### PROVIDED MATERIAL
* * *

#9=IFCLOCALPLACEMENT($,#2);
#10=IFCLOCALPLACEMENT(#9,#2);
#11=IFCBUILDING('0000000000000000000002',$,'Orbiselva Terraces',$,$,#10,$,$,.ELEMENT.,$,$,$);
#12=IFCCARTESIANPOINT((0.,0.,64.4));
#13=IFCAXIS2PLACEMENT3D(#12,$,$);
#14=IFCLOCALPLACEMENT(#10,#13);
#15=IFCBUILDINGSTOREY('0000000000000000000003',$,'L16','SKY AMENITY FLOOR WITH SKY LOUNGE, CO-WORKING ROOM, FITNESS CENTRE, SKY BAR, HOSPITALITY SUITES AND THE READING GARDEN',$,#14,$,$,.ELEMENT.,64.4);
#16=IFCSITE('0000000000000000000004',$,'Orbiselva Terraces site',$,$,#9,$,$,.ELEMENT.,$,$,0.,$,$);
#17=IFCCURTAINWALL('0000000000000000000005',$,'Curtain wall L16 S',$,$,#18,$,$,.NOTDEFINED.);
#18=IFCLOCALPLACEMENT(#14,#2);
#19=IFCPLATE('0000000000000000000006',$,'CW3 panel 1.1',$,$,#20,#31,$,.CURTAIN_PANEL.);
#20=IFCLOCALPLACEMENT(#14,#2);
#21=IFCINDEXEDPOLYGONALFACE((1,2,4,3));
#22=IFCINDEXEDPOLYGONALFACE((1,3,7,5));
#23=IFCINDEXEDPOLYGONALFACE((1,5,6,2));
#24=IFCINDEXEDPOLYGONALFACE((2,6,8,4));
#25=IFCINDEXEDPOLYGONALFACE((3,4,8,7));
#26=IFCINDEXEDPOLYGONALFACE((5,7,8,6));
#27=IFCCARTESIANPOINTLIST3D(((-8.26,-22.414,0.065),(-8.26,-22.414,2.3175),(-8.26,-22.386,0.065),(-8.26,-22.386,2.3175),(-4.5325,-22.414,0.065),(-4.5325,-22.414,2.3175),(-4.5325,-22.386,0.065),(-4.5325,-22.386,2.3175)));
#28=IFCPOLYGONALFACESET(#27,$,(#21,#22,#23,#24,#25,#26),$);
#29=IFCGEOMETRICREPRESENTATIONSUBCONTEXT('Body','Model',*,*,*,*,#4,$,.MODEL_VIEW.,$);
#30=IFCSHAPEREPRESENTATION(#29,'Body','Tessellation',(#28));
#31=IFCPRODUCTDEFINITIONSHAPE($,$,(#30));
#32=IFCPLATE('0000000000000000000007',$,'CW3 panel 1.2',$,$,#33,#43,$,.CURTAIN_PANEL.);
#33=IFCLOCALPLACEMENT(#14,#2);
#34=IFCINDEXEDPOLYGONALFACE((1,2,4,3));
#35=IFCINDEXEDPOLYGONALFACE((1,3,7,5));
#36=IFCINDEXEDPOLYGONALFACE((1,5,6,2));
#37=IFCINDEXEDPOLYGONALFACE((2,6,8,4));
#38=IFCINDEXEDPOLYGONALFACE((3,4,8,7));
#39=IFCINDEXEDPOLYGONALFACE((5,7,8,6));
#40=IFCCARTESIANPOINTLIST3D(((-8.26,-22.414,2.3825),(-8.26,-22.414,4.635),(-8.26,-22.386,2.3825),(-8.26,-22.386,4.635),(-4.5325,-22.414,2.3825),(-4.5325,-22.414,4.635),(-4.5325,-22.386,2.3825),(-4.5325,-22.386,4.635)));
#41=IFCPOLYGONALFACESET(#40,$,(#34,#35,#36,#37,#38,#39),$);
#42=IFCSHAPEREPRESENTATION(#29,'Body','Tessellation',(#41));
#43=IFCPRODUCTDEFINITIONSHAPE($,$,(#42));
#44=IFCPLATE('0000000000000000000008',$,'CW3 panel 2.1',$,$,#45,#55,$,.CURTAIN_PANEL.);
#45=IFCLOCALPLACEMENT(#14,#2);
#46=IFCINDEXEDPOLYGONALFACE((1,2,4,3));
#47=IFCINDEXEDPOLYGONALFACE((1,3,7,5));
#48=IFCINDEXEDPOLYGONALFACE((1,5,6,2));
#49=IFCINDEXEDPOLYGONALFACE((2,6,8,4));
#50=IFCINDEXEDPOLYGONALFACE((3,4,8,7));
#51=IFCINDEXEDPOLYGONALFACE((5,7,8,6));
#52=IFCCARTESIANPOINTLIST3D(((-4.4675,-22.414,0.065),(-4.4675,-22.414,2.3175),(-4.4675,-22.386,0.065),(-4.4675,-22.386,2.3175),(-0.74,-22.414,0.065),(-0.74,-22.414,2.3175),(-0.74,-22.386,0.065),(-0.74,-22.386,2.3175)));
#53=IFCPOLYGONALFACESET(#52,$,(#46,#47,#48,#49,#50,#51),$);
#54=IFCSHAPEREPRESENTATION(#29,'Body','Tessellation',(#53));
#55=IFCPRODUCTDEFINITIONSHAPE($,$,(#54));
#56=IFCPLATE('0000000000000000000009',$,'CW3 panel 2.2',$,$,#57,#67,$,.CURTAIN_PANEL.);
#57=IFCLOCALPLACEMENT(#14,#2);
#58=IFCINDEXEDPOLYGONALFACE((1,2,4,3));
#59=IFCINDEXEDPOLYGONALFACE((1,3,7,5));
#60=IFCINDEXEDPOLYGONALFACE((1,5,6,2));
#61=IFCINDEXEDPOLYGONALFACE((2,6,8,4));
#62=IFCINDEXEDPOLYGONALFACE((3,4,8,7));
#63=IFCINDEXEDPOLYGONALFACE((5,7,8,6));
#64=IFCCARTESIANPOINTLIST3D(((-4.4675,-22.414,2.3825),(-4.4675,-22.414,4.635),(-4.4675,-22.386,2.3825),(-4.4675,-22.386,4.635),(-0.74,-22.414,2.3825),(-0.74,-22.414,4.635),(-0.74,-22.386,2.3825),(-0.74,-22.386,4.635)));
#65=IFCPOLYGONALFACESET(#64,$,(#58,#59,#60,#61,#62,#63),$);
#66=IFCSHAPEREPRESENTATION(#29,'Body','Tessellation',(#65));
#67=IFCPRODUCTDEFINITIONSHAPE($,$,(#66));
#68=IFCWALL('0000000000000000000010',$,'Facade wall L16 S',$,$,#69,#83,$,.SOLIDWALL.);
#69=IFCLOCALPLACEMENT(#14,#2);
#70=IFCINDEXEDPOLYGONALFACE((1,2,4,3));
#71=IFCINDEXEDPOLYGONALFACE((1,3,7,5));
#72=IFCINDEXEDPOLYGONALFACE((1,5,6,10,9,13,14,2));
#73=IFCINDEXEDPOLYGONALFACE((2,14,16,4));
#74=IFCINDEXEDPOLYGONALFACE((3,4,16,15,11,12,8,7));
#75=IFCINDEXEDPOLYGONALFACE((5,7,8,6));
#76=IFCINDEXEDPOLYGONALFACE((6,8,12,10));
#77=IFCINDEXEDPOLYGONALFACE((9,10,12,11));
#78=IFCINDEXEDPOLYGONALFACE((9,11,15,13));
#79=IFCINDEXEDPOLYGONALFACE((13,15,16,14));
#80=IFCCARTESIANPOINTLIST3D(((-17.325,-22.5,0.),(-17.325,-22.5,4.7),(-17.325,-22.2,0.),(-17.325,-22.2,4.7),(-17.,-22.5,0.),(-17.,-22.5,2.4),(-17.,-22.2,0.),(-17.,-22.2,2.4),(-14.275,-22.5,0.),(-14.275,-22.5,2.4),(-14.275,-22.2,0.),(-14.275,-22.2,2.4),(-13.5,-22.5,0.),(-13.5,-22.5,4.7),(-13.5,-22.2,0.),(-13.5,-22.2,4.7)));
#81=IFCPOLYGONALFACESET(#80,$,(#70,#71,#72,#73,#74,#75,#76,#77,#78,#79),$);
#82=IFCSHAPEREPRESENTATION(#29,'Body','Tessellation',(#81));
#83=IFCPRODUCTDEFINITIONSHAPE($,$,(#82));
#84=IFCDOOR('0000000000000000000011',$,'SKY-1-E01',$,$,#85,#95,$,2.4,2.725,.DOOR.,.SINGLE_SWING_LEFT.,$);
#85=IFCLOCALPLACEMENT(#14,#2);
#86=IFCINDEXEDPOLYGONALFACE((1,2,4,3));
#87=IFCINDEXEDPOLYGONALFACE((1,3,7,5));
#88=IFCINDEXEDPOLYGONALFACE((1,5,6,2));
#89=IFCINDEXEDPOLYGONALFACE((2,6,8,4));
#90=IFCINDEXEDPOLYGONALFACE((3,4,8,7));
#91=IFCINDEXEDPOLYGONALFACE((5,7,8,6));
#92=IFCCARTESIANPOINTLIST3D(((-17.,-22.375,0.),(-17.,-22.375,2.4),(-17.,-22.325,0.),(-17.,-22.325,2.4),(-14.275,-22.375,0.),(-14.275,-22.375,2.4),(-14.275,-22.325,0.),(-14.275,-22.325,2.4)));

* * *

### TASK REQUIREMENTS
The exact lines of the material above starting at the one that contains "#46=IFCINDEXEDPOLYGONALFACE((1,2,4,3));" and ending at the one that contains "#79=IFCINDEXEDPOLYGONALFACE((13,15,16,14));" are what to retype; leave out everything else.

### YOUR SOLUTION
#46=IFCINDEXEDPOLYGONALFACE((1,2,4,3));
#47=IFCINDEXEDPOLYGONALFACE((1,3,7,5));
#48=IFCINDEXEDPOLYGONALFACE((1,5,6,2));
#49=IFCINDEXEDPOLYGONALFACE((2,6,8,4));
#50=IFCINDEXEDPOLYGONALFACE((3,4,8,7));
#51=IFCINDEXEDPOLYGONALFACE((5,7,8,6));
#52=IFCCARTESIANPOINTLIST3D(((-4.4675,-22.414,0.065),(-4.4675,-22.414,2.3175),(-4.4675,-22.386,0.065),(-4.4675,-22.386,2.3175),(-0.74,-22.414,0.065),(-0.74,-22.414,2.3175),(-0.74,-22.386,0.065),(-0.74,-22.386,2.3175)));
#53=IFCPOLYGONALFACESET(#52,$,(#46,#47,#48,#49,#50,#51),$);
#54=IFCSHAPEREPRESENTATION(#29,'Body','Tessellation',(#53));
#55=IFCPRODUCTDEFINITIONSHAPE($,$,(#54));
#56=IFCPLATE('0000000000000000000009',$,'CW3 panel 2.2',$,$,#57,#67,$,.CURTAIN_PANEL.);
#57=IFCLOCALPLACEMENT(#14,#2);
#58=IFCINDEXEDPOLYGONALFACE((1,2,4,3));
#59=IFCINDEXEDPOLYGONALFACE((1,3,7,5));
#60=IFCINDEXEDPOLYGONALFACE((1,5,6,2));
#61=IFCINDEXEDPOLYGONALFACE((2,6,8,4));
#62=IFCINDEXEDPOLYGONALFACE((3,4,8,7));
#63=IFCINDEXEDPOLYGONALFACE((5,7,8,6));
#64=IFCCARTESIANPOINTLIST3D(((-4.4675,-22.414,2.3825),(-4.4675,-22.414,4.635),(-4.4675,-22.386,2.3825),(-4.4675,-22.386,4.635),(-0.74,-22.414,2.3825),(-0.74,-22.414,4.635),(-0.74,-22.386,2.3825),(-0.74,-22.386,4.635)));
#65=IFCPOLYGONALFACESET(#64,$,(#58,#59,#60,#61,#62,#63),$);
#66=IFCSHAPEREPRESENTATION(#29,'Body','Tessellation',(#65));
#67=IFCPRODUCTDEFINITIONSHAPE($,$,(#66));
#68=IFCWALL('0000000000000000000010',$,'Facade wall L16 S',$,$,#69,#83,$,.SOLIDWALL.);
#69=IFCLOCALPLACEMENT(#14,#2);
#70=IFCINDEXEDPOLYGONALFACE((1,2,4,3));
#71=IFCINDEXEDPOLYGONALFACE((1,3,7,5));
#72=IFCINDEXEDPOLYGONALFACE((1,5,6,10,9,13,14,2));
#73=IFCINDEXEDPOLYGONALFACE((2,14,16,4));
#74=IFCINDEXEDPOLYGONALFACE((3,4,16,15,11,12,8,7));
#75=IFCINDEXEDPOLYGONALFACE((5,7,8,6));
#76=IFCINDEXEDPOLYGONALFACE((6,8,12,10));
#77=IFCINDEXEDPOLYGONALFACE((9,10,12,11));
#78=IFCINDEXEDPOLYGONALFACE((9,11,15,13));
#79=IFCINDEXEDPOLYGONALFACE((13,15,16,14));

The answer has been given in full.